#### [TASK STATEMENT]
Examine each line of the data. Copy the line if it includes the word "relations".

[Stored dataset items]
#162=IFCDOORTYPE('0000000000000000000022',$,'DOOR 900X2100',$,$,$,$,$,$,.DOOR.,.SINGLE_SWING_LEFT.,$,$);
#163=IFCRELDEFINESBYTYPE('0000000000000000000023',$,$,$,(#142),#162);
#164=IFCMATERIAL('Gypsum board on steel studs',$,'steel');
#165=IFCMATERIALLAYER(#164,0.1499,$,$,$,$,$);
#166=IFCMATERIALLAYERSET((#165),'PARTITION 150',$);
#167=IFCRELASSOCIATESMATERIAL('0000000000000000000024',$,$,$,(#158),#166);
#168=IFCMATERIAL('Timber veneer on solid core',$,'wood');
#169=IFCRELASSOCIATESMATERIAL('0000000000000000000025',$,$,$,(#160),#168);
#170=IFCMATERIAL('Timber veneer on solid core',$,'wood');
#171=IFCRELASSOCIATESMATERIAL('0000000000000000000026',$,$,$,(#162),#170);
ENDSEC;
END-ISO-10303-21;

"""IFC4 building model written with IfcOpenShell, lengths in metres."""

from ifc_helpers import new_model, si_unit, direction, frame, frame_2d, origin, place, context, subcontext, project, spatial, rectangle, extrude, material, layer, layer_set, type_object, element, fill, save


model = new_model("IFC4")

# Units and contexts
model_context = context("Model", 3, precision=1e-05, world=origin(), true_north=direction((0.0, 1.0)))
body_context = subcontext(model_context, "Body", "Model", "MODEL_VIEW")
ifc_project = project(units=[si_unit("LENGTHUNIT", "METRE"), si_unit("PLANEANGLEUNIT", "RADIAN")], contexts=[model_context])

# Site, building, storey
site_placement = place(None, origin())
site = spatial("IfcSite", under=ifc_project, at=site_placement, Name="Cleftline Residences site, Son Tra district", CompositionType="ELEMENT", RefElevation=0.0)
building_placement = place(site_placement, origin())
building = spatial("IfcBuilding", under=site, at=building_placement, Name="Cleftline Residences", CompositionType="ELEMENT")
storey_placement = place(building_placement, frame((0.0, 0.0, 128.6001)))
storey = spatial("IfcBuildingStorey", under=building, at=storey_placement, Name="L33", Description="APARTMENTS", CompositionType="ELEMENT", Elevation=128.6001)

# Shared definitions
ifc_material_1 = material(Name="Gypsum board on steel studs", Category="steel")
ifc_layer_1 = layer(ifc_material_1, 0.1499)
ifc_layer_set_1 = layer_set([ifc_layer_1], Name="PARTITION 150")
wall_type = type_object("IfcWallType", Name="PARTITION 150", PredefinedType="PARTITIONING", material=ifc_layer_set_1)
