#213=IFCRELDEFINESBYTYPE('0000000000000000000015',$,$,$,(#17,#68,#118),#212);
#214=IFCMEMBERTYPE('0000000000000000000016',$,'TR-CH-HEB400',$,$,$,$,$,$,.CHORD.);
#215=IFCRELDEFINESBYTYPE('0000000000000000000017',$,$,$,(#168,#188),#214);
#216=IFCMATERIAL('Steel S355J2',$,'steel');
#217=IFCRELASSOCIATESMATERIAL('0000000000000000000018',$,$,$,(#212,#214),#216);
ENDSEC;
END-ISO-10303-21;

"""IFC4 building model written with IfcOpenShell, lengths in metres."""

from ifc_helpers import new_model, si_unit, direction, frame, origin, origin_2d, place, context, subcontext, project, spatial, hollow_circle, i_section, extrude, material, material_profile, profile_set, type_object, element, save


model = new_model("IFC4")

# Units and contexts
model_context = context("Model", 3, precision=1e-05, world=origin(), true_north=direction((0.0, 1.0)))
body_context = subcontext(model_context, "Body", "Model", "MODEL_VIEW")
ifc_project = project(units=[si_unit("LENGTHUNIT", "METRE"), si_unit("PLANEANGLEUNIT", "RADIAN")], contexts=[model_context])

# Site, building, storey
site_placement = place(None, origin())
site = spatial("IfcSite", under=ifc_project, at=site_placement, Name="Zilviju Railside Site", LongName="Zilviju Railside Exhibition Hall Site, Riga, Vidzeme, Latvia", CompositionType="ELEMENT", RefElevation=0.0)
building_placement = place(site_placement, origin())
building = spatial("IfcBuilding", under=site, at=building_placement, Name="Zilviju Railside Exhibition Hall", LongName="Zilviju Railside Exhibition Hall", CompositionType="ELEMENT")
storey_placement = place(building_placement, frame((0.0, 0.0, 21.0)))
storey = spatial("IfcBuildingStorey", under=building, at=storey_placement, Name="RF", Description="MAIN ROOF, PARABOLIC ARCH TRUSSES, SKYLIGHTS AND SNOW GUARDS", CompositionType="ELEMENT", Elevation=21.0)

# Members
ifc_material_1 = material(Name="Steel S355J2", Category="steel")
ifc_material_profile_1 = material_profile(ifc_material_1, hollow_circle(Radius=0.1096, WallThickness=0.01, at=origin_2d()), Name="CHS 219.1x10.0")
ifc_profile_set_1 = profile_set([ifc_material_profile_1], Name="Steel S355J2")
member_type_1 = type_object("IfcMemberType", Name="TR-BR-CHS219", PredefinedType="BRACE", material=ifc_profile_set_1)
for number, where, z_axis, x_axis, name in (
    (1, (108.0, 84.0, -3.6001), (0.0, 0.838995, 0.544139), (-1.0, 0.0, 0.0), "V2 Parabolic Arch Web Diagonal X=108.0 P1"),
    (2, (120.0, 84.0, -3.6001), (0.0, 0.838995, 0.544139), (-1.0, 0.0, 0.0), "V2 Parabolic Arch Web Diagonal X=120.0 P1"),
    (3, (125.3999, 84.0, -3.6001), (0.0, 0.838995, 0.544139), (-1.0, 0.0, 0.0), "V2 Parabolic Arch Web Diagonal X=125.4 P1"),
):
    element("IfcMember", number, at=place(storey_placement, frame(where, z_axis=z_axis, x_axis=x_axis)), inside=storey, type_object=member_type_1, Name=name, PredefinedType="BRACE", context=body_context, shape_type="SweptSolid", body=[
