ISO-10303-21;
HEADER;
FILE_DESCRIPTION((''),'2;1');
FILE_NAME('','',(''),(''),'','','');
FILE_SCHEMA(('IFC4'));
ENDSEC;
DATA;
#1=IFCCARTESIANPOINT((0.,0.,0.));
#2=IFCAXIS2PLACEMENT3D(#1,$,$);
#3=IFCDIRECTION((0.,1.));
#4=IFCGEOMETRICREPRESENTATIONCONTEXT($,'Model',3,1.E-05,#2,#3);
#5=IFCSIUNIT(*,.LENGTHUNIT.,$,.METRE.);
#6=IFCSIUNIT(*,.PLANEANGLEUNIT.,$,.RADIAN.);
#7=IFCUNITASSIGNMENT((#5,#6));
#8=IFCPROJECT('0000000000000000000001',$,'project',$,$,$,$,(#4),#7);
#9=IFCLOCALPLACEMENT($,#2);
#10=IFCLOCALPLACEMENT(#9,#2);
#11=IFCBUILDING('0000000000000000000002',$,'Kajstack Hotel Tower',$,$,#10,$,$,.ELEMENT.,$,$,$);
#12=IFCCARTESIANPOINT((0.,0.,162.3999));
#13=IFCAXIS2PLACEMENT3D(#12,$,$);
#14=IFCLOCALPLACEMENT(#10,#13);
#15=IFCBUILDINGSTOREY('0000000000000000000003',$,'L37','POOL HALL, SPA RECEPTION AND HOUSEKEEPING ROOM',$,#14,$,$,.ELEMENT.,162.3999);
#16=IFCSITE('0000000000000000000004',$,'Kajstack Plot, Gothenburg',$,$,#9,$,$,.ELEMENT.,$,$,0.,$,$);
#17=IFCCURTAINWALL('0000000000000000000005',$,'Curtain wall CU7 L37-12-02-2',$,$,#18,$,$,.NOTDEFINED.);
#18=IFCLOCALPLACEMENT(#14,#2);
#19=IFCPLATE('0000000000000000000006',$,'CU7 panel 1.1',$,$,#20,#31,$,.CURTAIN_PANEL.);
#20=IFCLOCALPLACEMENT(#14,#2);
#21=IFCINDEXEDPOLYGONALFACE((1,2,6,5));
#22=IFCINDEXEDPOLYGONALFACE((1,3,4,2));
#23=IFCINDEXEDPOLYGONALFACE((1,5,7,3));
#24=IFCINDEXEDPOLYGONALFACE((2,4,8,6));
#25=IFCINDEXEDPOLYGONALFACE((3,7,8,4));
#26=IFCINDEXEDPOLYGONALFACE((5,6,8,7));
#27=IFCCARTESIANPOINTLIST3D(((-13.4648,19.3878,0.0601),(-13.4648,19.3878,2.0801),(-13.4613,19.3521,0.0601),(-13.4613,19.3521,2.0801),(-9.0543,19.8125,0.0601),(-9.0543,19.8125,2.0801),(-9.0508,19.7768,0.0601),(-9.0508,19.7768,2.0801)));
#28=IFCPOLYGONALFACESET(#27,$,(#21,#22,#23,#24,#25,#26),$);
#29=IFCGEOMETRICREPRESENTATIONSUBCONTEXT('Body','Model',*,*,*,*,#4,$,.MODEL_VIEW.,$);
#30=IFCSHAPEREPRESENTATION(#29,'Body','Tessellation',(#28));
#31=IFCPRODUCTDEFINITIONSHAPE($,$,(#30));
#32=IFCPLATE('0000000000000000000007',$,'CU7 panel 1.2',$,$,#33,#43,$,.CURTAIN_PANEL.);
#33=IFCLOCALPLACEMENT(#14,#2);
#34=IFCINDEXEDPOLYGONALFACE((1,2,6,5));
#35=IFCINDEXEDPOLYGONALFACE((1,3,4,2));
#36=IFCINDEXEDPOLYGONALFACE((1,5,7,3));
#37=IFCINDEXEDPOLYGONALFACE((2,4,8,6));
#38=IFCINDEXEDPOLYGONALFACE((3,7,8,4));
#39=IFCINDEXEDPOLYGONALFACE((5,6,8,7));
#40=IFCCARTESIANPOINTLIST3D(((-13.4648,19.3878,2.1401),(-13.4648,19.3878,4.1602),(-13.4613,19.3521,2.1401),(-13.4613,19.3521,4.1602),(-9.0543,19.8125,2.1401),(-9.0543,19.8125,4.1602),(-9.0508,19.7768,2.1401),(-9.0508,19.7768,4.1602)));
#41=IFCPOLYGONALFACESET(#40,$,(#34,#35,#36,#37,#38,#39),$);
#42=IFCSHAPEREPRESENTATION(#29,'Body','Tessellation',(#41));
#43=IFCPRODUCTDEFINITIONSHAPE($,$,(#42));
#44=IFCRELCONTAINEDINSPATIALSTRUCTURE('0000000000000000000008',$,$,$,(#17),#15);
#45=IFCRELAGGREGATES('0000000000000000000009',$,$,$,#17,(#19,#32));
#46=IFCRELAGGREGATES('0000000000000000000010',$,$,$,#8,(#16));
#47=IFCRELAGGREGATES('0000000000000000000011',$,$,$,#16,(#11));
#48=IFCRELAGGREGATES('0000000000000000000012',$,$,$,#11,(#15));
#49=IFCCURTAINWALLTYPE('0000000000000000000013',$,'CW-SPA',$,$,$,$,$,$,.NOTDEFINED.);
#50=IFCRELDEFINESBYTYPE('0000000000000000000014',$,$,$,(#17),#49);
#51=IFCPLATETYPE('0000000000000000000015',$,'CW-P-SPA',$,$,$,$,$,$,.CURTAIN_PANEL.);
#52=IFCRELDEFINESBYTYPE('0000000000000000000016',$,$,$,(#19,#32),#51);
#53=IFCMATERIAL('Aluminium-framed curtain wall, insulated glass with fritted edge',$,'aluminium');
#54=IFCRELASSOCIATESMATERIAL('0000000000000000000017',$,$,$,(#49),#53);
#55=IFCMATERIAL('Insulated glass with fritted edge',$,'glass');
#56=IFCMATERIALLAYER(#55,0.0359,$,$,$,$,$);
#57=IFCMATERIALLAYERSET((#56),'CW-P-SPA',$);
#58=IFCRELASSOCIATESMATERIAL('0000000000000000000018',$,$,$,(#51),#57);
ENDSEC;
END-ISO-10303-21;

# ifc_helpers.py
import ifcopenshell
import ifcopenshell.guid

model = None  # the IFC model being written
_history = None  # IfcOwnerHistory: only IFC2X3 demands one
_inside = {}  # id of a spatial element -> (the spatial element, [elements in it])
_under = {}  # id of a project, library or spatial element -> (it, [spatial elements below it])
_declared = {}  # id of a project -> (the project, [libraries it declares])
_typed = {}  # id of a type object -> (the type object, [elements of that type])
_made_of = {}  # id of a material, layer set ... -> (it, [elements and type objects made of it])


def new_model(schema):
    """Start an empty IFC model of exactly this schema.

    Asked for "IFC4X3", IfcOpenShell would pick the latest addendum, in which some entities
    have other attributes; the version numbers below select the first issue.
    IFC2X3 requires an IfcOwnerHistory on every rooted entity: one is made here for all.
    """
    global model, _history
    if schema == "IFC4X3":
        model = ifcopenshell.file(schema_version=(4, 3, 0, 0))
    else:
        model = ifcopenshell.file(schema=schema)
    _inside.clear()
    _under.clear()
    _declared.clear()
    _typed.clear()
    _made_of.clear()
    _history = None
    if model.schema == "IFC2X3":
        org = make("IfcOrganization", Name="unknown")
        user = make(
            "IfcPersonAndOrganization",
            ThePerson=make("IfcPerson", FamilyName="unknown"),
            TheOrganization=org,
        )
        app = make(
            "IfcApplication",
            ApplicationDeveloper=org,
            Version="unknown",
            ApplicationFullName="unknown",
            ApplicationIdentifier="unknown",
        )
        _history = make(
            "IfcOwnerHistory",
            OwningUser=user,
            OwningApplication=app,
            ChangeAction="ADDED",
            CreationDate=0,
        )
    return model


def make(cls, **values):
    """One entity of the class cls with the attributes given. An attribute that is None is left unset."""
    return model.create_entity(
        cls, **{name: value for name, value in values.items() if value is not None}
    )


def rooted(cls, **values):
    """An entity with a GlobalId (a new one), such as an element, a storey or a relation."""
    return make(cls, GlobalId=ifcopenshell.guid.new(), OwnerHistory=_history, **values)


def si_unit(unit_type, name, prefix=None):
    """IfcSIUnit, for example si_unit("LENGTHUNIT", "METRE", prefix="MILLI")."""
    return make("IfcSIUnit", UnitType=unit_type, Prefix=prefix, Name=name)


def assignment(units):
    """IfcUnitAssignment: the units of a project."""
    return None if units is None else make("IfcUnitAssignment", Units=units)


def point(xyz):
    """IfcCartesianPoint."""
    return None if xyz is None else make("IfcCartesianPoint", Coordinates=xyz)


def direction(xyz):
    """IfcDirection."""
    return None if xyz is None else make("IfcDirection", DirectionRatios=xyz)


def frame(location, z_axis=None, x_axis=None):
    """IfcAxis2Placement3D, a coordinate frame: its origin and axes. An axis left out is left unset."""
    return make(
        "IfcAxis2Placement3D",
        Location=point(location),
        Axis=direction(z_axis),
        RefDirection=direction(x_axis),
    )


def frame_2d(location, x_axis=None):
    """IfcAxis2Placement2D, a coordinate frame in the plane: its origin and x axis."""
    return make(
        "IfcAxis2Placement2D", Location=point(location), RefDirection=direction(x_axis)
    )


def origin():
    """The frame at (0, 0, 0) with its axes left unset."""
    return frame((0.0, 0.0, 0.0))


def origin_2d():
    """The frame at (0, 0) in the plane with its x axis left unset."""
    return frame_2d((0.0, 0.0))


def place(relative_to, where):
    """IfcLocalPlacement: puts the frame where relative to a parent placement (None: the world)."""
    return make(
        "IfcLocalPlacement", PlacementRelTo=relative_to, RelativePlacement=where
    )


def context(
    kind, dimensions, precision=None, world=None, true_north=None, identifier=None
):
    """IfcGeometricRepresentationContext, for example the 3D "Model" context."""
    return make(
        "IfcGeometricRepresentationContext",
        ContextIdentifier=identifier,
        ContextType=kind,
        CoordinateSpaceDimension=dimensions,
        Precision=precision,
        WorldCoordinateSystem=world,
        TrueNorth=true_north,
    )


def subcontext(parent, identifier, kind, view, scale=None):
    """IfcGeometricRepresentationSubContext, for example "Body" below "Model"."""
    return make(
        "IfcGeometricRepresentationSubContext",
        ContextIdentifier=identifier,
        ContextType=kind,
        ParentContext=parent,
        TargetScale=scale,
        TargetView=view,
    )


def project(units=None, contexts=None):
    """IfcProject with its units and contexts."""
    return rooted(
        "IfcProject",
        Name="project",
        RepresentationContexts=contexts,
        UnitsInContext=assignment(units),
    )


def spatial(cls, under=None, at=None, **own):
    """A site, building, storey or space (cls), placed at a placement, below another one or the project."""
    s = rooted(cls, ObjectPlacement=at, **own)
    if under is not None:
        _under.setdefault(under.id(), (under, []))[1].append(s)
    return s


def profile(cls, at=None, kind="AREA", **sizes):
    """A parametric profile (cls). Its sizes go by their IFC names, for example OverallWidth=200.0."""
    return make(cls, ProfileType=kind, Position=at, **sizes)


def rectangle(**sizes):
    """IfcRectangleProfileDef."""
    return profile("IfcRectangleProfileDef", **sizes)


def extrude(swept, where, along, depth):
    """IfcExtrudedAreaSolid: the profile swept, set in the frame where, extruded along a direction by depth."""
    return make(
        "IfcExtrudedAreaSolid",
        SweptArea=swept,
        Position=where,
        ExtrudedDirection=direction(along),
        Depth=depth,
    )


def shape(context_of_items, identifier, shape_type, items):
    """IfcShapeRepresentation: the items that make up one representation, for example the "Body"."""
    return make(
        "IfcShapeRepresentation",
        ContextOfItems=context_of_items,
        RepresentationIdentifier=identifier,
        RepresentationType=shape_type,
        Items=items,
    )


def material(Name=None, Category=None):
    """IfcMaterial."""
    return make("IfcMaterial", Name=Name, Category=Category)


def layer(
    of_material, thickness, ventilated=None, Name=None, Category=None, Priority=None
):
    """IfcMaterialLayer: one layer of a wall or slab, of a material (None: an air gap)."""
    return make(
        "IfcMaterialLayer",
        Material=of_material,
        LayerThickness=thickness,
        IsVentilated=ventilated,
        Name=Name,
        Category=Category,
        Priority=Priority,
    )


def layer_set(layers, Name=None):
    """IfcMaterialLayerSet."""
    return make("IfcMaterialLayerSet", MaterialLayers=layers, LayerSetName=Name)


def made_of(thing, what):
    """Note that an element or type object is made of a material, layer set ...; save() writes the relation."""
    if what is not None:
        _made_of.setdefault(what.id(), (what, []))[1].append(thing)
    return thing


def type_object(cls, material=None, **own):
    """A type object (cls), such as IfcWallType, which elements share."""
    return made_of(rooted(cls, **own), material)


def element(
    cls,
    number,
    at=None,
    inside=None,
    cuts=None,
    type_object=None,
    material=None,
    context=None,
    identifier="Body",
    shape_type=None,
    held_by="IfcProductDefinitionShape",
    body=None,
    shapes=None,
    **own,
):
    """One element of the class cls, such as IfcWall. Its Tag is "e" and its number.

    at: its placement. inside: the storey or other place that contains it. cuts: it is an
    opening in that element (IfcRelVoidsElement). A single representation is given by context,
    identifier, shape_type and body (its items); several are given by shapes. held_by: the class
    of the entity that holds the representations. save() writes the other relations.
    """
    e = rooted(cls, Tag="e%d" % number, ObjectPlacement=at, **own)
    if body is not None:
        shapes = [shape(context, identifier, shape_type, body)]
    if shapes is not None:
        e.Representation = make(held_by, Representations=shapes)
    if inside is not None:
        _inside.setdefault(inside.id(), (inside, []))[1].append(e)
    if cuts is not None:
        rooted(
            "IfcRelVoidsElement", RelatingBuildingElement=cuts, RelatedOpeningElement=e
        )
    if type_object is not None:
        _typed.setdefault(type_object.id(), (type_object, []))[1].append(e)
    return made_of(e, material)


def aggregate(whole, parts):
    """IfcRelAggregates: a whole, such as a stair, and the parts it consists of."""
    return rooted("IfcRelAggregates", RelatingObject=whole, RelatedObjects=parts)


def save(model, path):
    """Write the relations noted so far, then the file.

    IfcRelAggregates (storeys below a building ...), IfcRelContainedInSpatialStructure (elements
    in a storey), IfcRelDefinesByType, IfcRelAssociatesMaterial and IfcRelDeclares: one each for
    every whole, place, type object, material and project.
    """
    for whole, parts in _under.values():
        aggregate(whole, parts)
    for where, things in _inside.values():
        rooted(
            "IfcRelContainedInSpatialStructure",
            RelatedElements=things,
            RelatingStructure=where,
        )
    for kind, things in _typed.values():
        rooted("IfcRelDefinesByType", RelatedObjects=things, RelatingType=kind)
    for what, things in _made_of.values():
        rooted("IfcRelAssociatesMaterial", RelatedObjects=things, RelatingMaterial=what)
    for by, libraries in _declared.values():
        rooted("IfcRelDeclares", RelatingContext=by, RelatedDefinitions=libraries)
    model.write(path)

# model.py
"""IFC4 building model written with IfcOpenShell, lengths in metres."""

from ifc_helpers import new_model, si_unit, direction, frame, origin, origin_2d, place, context, subcontext, project, spatial, rectangle, extrude, material, layer, layer_set, type_object, element, aggregate, save


model = new_model("IFC4")

# Units and contexts
model_context = context("Model", 3, precision=1e-05, world=origin(), true_north=direction((0.0, 1.0)))
body_context = subcontext(model_context, "Body", "Model", "MODEL_VIEW")
ifc_project = project(units=[si_unit("LENGTHUNIT", "METRE"), si_unit("PLANEANGLEUNIT", "RADIAN")], contexts=[model_context])

# Site, building, storey
site_placement = place(None, origin())
site = spatial("IfcSite", under=ifc_project, at=site_placement, Name="Kajstack Plot, Gothenburg", CompositionType="ELEMENT", RefElevation=0.0)
building_placement = place(site_placement, origin())
building = spatial("IfcBuilding", under=site, at=building_placement, Name="Kajstack Hotel Tower", CompositionType="ELEMENT")
storey_placement = place(building_placement, frame((0.0, 0.0, 162.3999)))
storey = spatial("IfcBuildingStorey", under=building, at=storey_placement, Name="L37", Description="POOL HALL, SPA RECEPTION AND HOUSEKEEPING ROOM", CompositionType="ELEMENT", Elevation=162.3999)

# Curtain wall
ifc_material_1 = material(Name="Aluminium-framed curtain wall, insulated glass with fritted edge", Category="aluminium")
curtain_wall_type = type_object("IfcCurtainWallType", Name="CW-SPA", PredefinedType="NOTDEFINED", material=ifc_material_1)
curtain_wall_1_placement = place(storey_placement, origin())
curtain_wall_1 = element("IfcCurtainWall", 1, at=curtain_wall_1_placement, inside=storey, type_object=curtain_wall_type, Name="Curtain wall CU7 L37-12-02-2", PredefinedType="NOTDEFINED")

# Plates
ifc_material_2 = material(Name="Insulated glass with fritted edge", Category="glass")
ifc_layer = layer(ifc_material_2, 0.0359)
ifc_layer_set = layer_set([ifc_layer], Name="CW-P-SPA")
plate_type = type_object("IfcPlateType", Name="CW-P-SPA", PredefinedType="CURTAIN_PANEL", material=ifc_layer_set)
plate_1_placement = place(storey_placement, frame((-11.2578, 19.5823, 0.0601), z_axis=(0.0, 0.0, 1.0), x_axis=(-0.995396, -0.095845, 0.0)))
plate_1 = element("IfcPlate", 2, at=plate_1_placement, type_object=plate_type, Name="CU7 panel 1.1", PredefinedType="CURTAIN_PANEL", context=body_context, shape_type="SweptSolid", body=[
    extrude(rectangle(XDim=4.4309, YDim=0.0359, at=origin_2d()), origin(), (0.0, 0.0, 1.0), 2.02),
])
plate_2_placement = place(storey_placement, frame((-11.2578, 19.5823, 2.1401), z_axis=(0.0, 0.0, 1.0), x_axis=(-0.995396, -0.095845, 0.0)))
plate_2 = element("IfcPlate", 3, at=plate_2_placement, type_object=plate_type, Name="CU7 panel 1.2", PredefinedType="CURTAIN_PANEL", context=body_context, shape_type="SweptSolid", body=[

#### [ANSWER BELOW]
    of the entity that holds the representations. save() writes the other relations.
    """Write the relations noted so far, then the file.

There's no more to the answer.